DATA RECORDS:
==*==

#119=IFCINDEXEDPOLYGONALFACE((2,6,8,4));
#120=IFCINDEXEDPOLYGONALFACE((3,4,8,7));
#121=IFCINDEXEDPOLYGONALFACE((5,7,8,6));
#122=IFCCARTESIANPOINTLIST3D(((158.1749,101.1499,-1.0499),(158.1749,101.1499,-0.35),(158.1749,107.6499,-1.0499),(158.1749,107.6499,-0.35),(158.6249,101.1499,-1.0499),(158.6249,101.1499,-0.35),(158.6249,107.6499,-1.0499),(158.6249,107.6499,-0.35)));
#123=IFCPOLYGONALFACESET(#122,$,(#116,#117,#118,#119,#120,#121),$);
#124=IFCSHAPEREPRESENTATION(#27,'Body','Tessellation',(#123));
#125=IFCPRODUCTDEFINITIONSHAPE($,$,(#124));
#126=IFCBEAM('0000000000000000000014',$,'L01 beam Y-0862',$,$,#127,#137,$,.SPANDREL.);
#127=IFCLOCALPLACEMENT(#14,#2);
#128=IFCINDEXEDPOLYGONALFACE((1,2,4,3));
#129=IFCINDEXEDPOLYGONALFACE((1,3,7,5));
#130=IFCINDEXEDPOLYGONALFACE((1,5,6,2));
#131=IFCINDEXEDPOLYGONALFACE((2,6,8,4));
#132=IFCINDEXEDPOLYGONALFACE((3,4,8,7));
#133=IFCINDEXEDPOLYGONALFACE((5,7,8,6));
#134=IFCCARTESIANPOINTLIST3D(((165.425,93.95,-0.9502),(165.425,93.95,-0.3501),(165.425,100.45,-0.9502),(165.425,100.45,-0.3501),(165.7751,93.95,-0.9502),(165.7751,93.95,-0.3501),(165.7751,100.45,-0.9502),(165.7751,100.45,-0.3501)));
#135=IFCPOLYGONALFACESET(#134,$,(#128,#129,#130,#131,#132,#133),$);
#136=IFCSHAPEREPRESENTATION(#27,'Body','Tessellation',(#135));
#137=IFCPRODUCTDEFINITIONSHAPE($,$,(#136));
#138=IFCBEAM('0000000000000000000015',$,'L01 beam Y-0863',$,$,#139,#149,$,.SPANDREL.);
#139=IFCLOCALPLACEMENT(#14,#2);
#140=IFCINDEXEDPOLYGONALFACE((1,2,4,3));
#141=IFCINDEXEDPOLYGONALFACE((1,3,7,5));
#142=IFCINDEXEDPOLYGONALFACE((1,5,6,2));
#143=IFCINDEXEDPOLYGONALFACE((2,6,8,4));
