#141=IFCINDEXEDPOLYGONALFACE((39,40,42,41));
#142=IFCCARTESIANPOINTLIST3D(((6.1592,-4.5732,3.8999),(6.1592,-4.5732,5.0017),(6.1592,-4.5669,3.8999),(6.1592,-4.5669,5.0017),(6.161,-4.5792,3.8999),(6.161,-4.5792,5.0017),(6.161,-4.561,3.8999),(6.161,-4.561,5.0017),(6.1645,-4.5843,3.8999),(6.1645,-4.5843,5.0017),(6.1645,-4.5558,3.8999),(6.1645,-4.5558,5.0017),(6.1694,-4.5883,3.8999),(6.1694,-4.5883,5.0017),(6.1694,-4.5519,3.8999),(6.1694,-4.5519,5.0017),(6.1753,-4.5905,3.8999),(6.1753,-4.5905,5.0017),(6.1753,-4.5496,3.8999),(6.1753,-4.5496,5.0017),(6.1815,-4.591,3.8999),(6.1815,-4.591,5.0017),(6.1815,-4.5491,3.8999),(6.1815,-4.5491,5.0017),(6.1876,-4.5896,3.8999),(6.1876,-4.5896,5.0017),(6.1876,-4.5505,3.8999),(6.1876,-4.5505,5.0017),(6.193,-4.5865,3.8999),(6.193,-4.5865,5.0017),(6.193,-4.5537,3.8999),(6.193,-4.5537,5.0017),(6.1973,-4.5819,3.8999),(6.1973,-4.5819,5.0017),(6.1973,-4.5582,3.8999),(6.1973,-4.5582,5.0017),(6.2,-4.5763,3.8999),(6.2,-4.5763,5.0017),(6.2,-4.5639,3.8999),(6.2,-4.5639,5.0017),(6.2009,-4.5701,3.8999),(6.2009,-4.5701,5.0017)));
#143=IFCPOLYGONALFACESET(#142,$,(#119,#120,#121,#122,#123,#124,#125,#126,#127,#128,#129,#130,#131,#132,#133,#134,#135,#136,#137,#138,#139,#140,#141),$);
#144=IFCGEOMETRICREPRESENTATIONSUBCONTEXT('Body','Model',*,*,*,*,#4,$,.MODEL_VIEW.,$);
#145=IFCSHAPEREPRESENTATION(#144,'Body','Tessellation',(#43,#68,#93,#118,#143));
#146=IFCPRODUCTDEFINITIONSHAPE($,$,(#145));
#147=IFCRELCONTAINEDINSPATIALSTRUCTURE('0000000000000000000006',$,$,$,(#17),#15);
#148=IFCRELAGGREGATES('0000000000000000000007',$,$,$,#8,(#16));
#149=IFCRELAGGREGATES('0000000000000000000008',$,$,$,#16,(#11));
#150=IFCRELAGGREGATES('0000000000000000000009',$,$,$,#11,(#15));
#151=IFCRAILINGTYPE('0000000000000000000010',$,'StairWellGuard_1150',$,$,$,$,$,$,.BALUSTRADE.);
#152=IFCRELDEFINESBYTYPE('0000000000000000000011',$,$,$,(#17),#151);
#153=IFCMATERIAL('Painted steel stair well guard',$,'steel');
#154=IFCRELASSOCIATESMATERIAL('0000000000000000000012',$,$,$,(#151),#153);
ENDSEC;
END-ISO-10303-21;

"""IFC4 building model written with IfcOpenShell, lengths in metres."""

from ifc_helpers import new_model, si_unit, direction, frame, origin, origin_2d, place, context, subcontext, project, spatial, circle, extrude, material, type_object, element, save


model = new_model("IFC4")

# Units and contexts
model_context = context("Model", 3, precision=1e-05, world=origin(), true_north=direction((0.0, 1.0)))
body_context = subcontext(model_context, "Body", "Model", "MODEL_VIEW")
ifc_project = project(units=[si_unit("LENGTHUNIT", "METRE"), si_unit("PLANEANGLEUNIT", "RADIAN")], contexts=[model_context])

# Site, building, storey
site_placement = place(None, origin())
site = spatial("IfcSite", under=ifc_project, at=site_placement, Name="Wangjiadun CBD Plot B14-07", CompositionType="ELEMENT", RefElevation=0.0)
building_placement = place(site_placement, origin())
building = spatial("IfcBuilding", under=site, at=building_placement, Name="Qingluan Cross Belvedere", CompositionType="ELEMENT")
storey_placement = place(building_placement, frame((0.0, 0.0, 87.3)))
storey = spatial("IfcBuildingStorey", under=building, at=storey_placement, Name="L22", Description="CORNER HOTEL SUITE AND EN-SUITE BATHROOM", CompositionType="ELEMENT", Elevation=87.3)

==*==

TASK PROMPT: Check each line above for the string "Tessellation" and show the ones that have it.

ANSWER:
#124=IFCSHAPEREPRESENTATION(#27,'Body','Tessellation',(#123));
#136=IFCSHAPEREPRESENTATION(#27,'Body','Tessellation',(#135));
#145=IFCSHAPEREPRESENTATION(#144,'Body','Tessellation',(#43,#68,#93,#118,#143));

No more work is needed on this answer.